Below are some records; output exactly the lines from the line with "#13=IFCAXIS2PLACEMENT3D(#12,$,$);" to the line with "#37=IFCMATERIALLAYER(#36,0.2,$,$,$,$,$);", both ends kept, and nothing more.

INFORMATION GIVEN Start Marker

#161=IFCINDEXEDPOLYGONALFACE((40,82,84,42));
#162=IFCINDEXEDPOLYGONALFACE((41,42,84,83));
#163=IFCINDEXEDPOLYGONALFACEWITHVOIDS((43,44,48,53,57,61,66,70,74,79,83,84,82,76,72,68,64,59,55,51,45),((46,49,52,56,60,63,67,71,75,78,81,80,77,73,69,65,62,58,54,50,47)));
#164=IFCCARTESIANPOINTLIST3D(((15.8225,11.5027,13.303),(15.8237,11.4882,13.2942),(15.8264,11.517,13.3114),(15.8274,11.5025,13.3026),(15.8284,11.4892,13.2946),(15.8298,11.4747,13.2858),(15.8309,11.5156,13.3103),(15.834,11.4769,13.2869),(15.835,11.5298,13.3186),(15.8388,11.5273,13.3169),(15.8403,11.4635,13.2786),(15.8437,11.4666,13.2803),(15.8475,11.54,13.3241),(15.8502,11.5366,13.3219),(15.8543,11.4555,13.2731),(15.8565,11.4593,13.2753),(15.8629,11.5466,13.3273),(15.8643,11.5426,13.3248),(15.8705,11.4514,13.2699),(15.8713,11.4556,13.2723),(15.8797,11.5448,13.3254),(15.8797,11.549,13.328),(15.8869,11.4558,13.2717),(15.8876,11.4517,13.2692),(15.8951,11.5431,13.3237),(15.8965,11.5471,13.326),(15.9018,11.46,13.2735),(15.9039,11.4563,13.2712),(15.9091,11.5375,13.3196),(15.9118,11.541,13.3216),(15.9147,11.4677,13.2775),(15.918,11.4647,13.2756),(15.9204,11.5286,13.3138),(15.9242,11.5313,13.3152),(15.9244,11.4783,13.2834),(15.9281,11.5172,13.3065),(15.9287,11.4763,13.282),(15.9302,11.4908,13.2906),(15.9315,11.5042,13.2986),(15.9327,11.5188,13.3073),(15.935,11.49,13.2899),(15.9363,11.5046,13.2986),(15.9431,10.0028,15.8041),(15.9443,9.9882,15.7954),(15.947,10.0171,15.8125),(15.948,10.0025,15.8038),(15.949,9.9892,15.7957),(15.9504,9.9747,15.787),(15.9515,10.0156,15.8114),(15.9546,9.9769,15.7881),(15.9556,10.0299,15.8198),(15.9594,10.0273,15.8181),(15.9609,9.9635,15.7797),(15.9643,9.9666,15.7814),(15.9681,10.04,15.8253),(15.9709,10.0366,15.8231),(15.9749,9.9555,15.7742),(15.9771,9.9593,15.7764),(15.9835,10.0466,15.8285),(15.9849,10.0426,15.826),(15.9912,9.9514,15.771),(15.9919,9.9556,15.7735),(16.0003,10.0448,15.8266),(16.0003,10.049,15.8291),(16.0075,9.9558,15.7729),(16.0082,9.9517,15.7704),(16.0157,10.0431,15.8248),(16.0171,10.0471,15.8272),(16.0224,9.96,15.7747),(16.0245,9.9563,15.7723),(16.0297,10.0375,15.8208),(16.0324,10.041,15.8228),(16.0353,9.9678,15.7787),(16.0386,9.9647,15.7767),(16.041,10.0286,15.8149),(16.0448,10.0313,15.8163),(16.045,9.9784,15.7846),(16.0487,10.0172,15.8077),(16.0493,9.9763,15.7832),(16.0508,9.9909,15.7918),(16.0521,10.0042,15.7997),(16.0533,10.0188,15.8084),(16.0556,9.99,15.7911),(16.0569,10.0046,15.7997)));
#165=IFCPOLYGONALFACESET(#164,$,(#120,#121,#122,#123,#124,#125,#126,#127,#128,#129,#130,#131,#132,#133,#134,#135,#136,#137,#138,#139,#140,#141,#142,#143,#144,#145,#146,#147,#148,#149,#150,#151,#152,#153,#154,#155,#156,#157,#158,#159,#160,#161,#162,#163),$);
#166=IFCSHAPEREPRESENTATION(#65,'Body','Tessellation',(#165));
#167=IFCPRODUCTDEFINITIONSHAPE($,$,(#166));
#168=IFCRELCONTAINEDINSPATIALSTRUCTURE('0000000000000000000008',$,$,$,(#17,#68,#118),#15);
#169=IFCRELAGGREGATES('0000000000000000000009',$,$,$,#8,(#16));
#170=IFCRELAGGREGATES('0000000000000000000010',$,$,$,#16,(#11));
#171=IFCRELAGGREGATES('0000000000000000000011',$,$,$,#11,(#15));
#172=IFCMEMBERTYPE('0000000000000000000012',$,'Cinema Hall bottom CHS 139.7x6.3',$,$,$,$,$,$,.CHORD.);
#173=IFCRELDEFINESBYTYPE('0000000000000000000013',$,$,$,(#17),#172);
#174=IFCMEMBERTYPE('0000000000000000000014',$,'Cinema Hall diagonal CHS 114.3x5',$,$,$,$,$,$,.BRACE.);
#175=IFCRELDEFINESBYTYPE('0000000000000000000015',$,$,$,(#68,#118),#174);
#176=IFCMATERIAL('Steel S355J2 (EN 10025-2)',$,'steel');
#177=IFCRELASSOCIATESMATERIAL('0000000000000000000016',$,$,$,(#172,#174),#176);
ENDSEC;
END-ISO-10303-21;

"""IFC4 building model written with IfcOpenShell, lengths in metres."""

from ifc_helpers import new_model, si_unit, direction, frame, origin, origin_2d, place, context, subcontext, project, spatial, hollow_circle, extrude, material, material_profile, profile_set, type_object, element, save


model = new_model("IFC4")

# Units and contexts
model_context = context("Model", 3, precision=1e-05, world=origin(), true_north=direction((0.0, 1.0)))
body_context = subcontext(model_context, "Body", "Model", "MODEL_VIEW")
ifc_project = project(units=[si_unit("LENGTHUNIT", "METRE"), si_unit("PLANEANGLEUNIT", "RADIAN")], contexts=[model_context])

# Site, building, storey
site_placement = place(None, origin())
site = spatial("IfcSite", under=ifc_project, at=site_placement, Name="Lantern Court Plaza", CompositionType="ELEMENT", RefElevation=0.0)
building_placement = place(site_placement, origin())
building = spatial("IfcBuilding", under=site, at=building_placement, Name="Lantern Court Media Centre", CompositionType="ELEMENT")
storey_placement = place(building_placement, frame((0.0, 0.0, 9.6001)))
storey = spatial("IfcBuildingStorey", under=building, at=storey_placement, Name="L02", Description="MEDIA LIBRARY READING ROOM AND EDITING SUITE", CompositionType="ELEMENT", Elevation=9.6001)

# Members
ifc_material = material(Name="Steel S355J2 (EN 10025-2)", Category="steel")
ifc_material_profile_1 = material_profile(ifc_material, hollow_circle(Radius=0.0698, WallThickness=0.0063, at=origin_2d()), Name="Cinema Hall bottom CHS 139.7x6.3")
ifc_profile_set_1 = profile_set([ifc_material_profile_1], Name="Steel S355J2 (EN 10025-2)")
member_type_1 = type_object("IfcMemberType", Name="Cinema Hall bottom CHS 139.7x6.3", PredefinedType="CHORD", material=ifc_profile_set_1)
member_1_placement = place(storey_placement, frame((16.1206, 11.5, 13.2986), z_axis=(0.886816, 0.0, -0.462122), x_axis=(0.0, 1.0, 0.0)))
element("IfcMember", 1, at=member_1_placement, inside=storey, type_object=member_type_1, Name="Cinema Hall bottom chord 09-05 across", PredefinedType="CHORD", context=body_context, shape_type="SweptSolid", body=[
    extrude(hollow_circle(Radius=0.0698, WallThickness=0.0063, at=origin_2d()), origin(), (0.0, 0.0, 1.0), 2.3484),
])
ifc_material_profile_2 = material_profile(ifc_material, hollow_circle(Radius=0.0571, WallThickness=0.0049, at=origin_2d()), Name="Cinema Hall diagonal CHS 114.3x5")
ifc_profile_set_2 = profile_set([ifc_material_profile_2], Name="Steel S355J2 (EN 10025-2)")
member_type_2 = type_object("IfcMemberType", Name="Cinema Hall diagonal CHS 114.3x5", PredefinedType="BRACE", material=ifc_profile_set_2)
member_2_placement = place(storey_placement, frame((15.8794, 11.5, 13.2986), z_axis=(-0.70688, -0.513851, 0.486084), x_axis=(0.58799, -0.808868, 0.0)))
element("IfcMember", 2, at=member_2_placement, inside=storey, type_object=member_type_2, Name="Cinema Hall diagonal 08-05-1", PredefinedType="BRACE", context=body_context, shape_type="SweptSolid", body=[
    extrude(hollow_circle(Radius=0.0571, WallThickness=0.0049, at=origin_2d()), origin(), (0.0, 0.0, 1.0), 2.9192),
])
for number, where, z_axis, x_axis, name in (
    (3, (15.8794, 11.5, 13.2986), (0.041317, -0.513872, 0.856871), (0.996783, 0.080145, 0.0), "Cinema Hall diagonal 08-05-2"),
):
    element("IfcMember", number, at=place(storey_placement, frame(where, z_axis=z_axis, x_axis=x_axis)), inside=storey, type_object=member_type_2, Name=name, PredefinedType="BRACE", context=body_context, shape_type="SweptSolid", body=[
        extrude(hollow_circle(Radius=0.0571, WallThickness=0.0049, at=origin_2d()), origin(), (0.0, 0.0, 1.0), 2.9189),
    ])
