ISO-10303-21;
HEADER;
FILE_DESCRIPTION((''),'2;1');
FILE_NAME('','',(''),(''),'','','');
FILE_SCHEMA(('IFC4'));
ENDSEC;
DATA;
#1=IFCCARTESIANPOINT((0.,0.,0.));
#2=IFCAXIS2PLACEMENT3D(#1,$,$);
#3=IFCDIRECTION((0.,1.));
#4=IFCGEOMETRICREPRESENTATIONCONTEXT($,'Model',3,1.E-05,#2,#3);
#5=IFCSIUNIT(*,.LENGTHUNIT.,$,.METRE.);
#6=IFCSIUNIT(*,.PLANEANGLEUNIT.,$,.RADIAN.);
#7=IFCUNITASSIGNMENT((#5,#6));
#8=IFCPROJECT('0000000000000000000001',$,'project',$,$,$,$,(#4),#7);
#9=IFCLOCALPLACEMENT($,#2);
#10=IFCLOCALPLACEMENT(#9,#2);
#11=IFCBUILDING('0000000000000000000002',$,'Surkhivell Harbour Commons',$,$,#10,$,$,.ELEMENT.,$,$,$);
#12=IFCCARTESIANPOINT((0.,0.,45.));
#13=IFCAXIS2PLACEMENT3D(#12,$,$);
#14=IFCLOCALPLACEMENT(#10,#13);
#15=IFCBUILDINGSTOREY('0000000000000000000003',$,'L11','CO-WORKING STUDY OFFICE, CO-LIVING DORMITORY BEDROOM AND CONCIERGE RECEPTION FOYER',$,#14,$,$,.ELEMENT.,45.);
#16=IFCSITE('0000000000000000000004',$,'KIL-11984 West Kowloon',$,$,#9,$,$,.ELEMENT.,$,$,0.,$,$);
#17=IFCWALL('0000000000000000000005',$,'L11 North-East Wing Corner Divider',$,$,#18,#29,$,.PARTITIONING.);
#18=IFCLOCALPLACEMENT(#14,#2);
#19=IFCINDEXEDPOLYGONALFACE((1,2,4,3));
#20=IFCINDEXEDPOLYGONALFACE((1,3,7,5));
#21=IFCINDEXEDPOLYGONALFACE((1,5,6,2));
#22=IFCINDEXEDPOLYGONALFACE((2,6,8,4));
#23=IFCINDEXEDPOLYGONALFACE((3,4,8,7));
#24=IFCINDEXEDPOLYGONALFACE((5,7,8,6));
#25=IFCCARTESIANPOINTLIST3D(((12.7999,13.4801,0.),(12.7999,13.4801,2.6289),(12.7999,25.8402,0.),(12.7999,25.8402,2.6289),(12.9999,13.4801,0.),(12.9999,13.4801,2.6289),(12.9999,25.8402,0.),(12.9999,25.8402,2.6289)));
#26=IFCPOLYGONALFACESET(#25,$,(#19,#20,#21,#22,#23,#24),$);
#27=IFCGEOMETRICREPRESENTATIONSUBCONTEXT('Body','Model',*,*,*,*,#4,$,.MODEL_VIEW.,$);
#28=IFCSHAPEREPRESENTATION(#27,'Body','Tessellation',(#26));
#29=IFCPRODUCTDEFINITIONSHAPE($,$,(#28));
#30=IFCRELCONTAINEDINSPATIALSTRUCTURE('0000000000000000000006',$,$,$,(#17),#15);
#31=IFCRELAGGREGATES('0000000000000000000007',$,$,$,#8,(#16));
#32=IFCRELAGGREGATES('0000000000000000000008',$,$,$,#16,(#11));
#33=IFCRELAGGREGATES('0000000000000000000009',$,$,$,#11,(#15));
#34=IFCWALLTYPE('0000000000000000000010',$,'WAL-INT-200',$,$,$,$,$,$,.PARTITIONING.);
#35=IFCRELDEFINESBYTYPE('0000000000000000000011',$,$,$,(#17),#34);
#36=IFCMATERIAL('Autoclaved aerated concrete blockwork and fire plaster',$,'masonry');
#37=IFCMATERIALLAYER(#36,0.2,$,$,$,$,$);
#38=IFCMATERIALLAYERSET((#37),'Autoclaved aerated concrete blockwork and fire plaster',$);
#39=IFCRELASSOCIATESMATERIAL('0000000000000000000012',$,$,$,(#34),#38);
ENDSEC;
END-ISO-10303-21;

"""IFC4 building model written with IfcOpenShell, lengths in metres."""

from ifc_helpers import new_model, si_unit, direction, frame, frame_2d, origin, place, context, subcontext, project, spatial, rectangle, extrude, material, layer, layer_set, type_object, element, save


model = new_model("IFC4")

# Units and contexts
model_context = context("Model", 3, precision=1e-05, world=origin(), true_north=direction((0.0, 1.0)))
body_context = subcontext(model_context, "Body", "Model", "MODEL_VIEW")
ifc_project = project(units=[si_unit("LENGTHUNIT", "METRE"), si_unit("PLANEANGLEUNIT", "RADIAN")], contexts=[model_context])

# Site, building, storey
site_placement = place(None, origin())
site = spatial("IfcSite", under=ifc_project, at=site_placement, Name="KIL-11984 West Kowloon", CompositionType="ELEMENT", RefElevation=0.0)
building_placement = place(site_placement, origin())
building = spatial("IfcBuilding", under=site, at=building_placement, Name="Surkhivell Harbour Commons", CompositionType="ELEMENT")
storey_placement = place(building_placement, frame((0.0, 0.0, 45.0)))
storey = spatial("IfcBuildingStorey", under=building, at=storey_placement, Name="L11", Description="CO-WORKING STUDY OFFICE, CO-LIVING DORMITORY BEDROOM AND CONCIERGE RECEPTION FOYER", CompositionType="ELEMENT", Elevation=45.0)

# Wall
ifc_material_1 = material(Name="Autoclaved aerated concrete blockwork and fire plaster", Category="masonry")
ifc_layer_1 = layer(ifc_material_1, 0.2)
ifc_layer_set_1 = layer_set([ifc_layer_1], Name="Autoclaved aerated concrete blockwork and fire plaster")
wall_type_1 = type_object("IfcWallType", Name="WAL-INT-200", PredefinedType="PARTITIONING", material=ifc_layer_set_1)
wall_1_placement = place(storey_placement, frame((12.8999, 13.48, 0.0), z_axis=(0.0, 0.0, 1.0), x_axis=(0.0, 1.0, 0.0)))
element("IfcWall", 1, at=wall_1_placement, inside=storey, type_object=wall_type_1, Name="L11 North-East Wing Corner Divider", PredefinedType="PARTITIONING", context=body_context, shape_type="SweptSolid", body=[
    extrude(rectangle(XDim=12.3601, YDim=0.2, at=frame_2d((6.1802, 0.0))), origin(), (0.0, 0.0, 1.0), 2.6289),
])

save(model, "model.ifc")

INFORMATION GIVEN End Marker

FINAL ANSWER:
#13=IFCAXIS2PLACEMENT3D(#12,$,$);
#14=IFCLOCALPLACEMENT(#10,#13);
#15=IFCBUILDINGSTOREY('0000000000000000000003',$,'L11','CO-WORKING STUDY OFFICE, CO-LIVING DORMITORY BEDROOM AND CONCIERGE RECEPTION FOYER',$,#14,$,$,.ELEMENT.,45.);
#16=IFCSITE('0000000000000000000004',$,'KIL-11984 West Kowloon',$,$,#9,$,$,.ELEMENT.,$,$,0.,$,$);
#17=IFCWALL('0000000000000000000005',$,'L11 North-East Wing Corner Divider',$,$,#18,#29,$,.PARTITIONING.);
#18=IFCLOCALPLACEMENT(#14,#2);
#19=IFCINDEXEDPOLYGONALFACE((1,2,4,3));
#20=IFCINDEXEDPOLYGONALFACE((1,3,7,5));
#21=IFCINDEXEDPOLYGONALFACE((1,5,6,2));
#22=IFCINDEXEDPOLYGONALFACE((2,6,8,4));
#23=IFCINDEXEDPOLYGONALFACE((3,4,8,7));
#24=IFCINDEXEDPOLYGONALFACE((5,7,8,6));
#25=IFCCARTESIANPOINTLIST3D(((12.7999,13.4801,0.),(12.7999,13.4801,2.6289),(12.7999,25.8402,0.),(12.7999,25.8402,2.6289),(12.9999,13.4801,0.),(12.9999,13.4801,2.6289),(12.9999,25.8402,0.),(12.9999,25.8402,2.6289)));
#26=IFCPOLYGONALFACESET(#25,$,(#19,#20,#21,#22,#23,#24),$);
#27=IFCGEOMETRICREPRESENTATIONSUBCONTEXT('Body','Model',*,*,*,*,#4,$,.MODEL_VIEW.,$);
#28=IFCSHAPEREPRESENTATION(#27,'Body','Tessellation',(#26));
#29=IFCPRODUCTDEFINITIONSHAPE($,$,(#28));
#30=IFCRELCONTAINEDINSPATIALSTRUCTURE('0000000000000000000006',$,$,$,(#17),#15);
#31=IFCRELAGGREGATES('0000000000000000000007',$,$,$,#8,(#16));
#32=IFCRELAGGREGATES('0000000000000000000008',$,$,$,#16,(#11));
#33=IFCRELAGGREGATES('0000000000000000000009',$,$,$,#11,(#15));
#34=IFCWALLTYPE('0000000000000000000010',$,'WAL-INT-200',$,$,$,$,$,$,.PARTITIONING.);
#35=IFCRELDEFINESBYTYPE('0000000000000000000011',$,$,$,(#17),#34);
#36=IFCMATERIAL('Autoclaved aerated concrete blockwork and fire plaster',$,'masonry');
#37=IFCMATERIALLAYER(#36,0.2,$,$,$,$,$);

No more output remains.